Dataset entries:
::::::::
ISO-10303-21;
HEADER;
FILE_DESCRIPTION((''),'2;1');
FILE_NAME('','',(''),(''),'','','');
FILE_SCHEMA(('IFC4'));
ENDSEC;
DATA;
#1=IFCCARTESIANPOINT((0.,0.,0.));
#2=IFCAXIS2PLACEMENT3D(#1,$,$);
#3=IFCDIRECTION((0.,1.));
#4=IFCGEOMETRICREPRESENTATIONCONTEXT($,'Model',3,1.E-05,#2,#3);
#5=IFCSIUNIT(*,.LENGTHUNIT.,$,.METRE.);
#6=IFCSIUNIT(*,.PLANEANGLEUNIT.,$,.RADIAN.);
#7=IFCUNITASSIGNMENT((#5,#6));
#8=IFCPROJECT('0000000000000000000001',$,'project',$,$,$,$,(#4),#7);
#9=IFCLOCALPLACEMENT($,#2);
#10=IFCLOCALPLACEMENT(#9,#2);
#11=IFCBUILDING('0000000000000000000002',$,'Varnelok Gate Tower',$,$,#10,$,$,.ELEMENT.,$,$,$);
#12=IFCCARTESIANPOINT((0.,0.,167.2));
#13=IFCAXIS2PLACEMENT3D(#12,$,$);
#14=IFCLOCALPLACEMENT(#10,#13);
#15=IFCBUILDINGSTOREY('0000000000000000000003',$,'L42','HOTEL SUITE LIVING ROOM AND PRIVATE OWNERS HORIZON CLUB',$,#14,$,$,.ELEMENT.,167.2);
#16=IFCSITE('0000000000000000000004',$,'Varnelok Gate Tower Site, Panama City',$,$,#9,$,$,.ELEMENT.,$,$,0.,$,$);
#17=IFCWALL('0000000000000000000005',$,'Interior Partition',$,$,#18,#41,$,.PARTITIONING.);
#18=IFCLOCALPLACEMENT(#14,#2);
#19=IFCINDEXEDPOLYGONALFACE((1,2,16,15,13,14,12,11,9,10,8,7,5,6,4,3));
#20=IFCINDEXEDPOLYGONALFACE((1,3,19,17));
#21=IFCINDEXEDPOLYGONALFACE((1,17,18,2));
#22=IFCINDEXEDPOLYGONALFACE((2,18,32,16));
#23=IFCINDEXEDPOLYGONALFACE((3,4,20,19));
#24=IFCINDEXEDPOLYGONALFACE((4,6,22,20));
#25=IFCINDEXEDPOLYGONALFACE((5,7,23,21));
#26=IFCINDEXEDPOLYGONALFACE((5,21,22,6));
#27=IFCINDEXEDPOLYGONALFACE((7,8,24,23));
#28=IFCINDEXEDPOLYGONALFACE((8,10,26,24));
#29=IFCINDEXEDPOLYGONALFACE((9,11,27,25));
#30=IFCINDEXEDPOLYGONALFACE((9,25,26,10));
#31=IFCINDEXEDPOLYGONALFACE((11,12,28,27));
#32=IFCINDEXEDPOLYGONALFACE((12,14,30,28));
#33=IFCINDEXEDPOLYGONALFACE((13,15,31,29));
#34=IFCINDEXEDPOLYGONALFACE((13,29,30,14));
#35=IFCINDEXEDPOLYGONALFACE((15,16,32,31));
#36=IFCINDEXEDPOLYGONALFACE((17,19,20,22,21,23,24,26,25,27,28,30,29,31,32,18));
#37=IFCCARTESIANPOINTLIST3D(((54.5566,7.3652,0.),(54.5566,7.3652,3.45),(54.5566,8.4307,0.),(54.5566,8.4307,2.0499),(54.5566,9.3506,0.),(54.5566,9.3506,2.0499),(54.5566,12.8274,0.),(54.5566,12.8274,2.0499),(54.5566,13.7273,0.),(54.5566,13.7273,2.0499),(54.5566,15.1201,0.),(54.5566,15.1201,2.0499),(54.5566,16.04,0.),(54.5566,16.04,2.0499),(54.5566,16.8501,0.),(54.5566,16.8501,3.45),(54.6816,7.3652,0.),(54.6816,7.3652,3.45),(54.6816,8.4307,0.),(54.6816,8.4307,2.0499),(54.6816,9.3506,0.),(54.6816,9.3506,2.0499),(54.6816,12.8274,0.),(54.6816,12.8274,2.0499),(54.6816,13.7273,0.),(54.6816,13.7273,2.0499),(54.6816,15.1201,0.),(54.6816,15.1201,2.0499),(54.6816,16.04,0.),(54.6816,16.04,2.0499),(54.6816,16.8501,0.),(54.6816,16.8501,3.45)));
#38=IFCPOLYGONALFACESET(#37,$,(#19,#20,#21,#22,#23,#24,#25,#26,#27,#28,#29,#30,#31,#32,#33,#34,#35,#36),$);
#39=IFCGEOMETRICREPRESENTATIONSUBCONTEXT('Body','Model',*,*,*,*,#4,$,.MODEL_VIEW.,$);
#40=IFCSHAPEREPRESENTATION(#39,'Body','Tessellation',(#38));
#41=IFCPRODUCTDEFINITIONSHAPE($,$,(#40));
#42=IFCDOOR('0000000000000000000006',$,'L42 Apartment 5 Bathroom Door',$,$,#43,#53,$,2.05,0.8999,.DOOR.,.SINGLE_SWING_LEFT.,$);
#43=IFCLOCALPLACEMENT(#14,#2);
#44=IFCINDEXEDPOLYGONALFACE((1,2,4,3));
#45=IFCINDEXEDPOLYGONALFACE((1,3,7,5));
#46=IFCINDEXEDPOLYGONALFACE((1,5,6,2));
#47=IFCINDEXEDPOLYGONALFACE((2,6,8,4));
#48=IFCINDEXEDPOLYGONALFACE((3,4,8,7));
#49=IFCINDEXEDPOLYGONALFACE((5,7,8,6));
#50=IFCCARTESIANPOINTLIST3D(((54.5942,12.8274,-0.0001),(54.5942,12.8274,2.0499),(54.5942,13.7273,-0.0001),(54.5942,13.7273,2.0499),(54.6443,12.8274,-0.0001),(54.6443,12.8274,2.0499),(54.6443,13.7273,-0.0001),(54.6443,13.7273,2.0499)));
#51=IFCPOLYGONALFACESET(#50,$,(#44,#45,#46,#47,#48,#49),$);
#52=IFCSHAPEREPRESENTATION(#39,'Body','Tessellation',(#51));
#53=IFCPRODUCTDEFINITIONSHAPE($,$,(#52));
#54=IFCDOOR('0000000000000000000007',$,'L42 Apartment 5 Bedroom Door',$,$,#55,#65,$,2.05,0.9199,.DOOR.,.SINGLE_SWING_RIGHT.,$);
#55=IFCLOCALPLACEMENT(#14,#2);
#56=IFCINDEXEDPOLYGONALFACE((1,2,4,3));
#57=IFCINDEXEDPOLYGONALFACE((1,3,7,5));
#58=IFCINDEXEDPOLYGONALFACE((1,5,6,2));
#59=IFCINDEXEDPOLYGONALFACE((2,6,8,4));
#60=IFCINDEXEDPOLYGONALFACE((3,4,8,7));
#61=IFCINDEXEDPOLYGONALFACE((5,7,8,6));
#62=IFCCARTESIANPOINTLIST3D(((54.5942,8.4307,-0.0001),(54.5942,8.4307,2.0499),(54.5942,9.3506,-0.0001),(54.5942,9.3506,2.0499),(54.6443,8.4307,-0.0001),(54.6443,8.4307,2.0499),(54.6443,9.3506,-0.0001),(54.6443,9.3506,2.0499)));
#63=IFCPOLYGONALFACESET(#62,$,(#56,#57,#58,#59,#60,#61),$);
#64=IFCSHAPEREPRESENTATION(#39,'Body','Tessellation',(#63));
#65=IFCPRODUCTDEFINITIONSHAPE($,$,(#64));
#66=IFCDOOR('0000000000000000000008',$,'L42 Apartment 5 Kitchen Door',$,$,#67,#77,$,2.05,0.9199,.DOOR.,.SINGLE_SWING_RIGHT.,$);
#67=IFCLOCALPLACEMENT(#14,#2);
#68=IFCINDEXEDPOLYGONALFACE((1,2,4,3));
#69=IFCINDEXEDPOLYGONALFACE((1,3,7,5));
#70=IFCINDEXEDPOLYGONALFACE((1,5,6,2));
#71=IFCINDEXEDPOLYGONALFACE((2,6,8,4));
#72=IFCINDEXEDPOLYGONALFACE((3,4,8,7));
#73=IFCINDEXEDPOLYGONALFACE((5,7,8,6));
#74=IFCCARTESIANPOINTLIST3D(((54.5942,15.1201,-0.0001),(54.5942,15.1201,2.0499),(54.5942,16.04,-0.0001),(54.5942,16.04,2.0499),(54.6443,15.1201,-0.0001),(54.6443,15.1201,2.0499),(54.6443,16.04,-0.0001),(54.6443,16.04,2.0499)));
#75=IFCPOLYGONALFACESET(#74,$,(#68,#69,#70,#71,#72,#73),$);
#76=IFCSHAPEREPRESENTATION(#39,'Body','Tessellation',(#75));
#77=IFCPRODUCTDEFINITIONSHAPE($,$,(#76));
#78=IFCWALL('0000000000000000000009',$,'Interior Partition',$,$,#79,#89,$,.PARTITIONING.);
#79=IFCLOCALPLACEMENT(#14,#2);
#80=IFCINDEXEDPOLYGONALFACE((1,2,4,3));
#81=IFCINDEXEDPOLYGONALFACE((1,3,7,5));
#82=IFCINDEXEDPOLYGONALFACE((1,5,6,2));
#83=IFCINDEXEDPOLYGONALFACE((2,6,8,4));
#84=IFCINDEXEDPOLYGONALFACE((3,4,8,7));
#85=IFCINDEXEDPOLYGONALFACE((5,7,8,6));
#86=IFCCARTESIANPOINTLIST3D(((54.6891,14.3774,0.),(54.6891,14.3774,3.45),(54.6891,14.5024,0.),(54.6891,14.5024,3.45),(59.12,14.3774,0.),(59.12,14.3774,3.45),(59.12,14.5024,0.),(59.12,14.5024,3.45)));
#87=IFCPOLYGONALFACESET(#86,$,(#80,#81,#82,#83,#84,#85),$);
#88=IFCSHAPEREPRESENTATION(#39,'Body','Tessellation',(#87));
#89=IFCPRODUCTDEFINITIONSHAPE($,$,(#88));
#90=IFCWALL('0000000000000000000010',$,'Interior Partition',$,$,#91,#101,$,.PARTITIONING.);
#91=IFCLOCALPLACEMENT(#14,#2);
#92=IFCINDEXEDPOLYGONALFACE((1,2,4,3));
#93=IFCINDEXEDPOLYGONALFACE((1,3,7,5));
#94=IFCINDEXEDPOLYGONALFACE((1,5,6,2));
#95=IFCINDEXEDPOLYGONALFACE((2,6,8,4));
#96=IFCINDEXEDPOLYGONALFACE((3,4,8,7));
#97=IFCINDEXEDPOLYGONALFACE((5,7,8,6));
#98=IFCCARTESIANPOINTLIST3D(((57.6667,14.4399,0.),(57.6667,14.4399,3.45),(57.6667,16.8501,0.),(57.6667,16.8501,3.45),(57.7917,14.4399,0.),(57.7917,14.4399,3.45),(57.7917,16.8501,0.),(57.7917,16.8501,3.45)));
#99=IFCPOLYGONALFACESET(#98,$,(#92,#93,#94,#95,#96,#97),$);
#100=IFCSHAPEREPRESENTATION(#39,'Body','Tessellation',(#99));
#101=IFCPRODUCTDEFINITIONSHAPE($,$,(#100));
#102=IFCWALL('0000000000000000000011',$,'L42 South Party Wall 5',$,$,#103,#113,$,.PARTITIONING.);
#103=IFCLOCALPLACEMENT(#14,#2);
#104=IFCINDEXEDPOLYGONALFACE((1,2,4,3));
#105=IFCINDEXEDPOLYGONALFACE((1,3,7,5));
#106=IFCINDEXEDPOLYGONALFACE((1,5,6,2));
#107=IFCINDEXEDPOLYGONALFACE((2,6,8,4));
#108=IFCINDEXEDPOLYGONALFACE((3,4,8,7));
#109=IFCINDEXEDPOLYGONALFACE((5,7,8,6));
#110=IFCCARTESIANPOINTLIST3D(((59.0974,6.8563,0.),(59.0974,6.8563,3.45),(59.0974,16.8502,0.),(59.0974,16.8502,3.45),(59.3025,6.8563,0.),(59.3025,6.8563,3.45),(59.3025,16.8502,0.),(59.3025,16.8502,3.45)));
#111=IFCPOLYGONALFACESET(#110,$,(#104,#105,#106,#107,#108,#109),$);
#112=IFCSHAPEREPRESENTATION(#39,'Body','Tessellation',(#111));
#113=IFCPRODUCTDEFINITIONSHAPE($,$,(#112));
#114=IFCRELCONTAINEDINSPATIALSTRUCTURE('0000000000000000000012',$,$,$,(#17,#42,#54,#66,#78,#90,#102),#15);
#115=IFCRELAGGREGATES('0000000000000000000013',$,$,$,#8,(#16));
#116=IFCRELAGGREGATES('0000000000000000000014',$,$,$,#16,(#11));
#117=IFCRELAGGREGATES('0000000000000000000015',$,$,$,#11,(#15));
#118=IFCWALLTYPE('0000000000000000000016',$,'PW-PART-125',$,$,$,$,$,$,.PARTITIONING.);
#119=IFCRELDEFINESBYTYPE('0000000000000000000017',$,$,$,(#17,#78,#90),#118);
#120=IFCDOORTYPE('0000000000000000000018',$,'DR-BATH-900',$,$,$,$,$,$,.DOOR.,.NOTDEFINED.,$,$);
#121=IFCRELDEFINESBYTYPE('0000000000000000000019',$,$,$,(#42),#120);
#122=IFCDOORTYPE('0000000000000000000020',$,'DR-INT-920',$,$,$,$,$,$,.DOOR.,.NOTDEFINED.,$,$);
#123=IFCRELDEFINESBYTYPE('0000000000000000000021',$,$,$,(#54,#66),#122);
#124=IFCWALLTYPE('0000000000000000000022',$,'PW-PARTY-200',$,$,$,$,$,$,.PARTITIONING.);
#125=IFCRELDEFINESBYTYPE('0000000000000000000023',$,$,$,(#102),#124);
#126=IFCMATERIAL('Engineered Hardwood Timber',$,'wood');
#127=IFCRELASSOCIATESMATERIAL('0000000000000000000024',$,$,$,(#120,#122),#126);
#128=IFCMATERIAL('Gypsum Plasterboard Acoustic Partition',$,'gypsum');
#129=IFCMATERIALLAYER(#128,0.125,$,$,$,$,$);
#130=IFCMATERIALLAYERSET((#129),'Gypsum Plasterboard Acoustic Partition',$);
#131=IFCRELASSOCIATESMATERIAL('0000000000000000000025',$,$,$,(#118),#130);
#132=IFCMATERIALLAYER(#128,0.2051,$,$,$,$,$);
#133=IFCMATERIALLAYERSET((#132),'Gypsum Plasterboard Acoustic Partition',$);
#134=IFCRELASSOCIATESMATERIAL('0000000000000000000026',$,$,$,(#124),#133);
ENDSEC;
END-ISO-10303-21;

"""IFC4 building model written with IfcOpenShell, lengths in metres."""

from ifc_helpers import new_model, si_unit, direction, frame, frame_2d, origin, place, context, subcontext, project, spatial, rectangle, extrude, material, layer, layer_set, type_object, element, fill, save


model = new_model("IFC4")

# Units and contexts
model_context = context("Model", 3, precision=1e-05, world=origin(), true_north=direction((0.0, 1.0)))
body_context = subcontext(model_context, "Body", "Model", "MODEL_VIEW")
ifc_project = project(units=[si_unit("LENGTHUNIT", "METRE"), si_unit("PLANEANGLEUNIT", "RADIAN")], contexts=[model_context])

# Site, building, storey
site_placement = place(None, origin())
site = spatial("IfcSite", under=ifc_project, at=site_placement, Name="Varnelok Gate Tower Site, Panama City", CompositionType="ELEMENT", RefElevation=0.0)
building_placement = place(site_placement, origin())
building = spatial("IfcBuilding", under=site, at=building_placement, Name="Varnelok Gate Tower", CompositionType="ELEMENT")
storey_placement = place(building_placement, frame((0.0, 0.0, 167.2)))
storey = spatial("IfcBuildingStorey", under=building, at=storey_placement, Name="L42", Description="HOTEL SUITE LIVING ROOM AND PRIVATE OWNERS HORIZON CLUB", CompositionType="ELEMENT", Elevation=167.2)

# Shared definitions
ifc_material_1 = material(Name="Gypsum Plasterboard Acoustic Partition", Category="gypsum")
ifc_material_2 = material(Name="Engineered Hardwood Timber", Category="wood")

# Shared definitions
door_type_1 = type_object("IfcDoorType", Name="DR-BATH-900", OperationType="NOTDEFINED", PredefinedType="DOOR", material=ifc_material_2)

# Wall, openings, doors
ifc_layer_1 = layer(ifc_material_1, 0.125)
ifc_layer_set_1 = layer_set([ifc_layer_1], Name="Gypsum Plasterboard Acoustic Partition")
wall_type_1 = type_object("IfcWallType", Name="PW-PART-125", PredefinedType="PARTITIONING", material=ifc_layer_set_1)
wall_1_placement = place(storey_placement, frame((54.6191, 7.3652, 0.0), z_axis=(0.0, 0.0, 1.0), x_axis=(0.0, 1.0, 0.0)))
wall_1 = element("IfcWall", 1, at=wall_1_placement, inside=storey, type_object=wall_type_1, Name="Interior Partition", PredefinedType="PARTITIONING", context=body_context, shape_type="SweptSolid", body=[
    extrude(rectangle(XDim=9.4849, YDim=0.125, at=frame_2d((4.7424, 0.0))), origin(), (0.0, 0.0, 1.0), 3.45),
])
opening_1_placement = place(wall_1_placement, frame((1.0654, 0.0, 0.0)))
opening_1 = element("IfcOpeningElement", 2, at=opening_1_placement, cuts=wall_1, PredefinedType="OPENING", context=body_context, shape_type="SweptSolid", body=[
    extrude(rectangle(XDim=0.9199, YDim=2.05, at=frame_2d((0.46, 1.0249))), frame((0.0, 0.0725, 0.0), z_axis=(0.0, -1.0, 0.0), x_axis=(1.0, 0.0, 0.0)), (0.0, 0.0, 1.0), 0.145),
])
opening_2_placement = place(wall_1_placement, frame((5.4622, 0.0, 0.0)))
opening_2 = element("IfcOpeningElement", 3, at=opening_2_placement, cuts=wall_1, PredefinedType="OPENING", context=body_context, shape_type="SweptSolid", body=[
::::::::
> **Task objective**:
The records are given above. Copy each line in them that holds "IFCRELDEFINESBYTYPE".

> **Solution for this exercise**:
#119=IFCRELDEFINESBYTYPE('0000000000000000000017',$,$,$,(#17,#78,#90),#118);
#121=IFCRELDEFINESBYTYPE('0000000000000000000019',$,$,$,(#42),#120);
#123=IFCRELDEFINESBYTYPE('0000000000000000000021',$,$,$,(#54,#66),#122);
#125=IFCRELDEFINESBYTYPE('0000000000000000000023',$,$,$,(#102),#124);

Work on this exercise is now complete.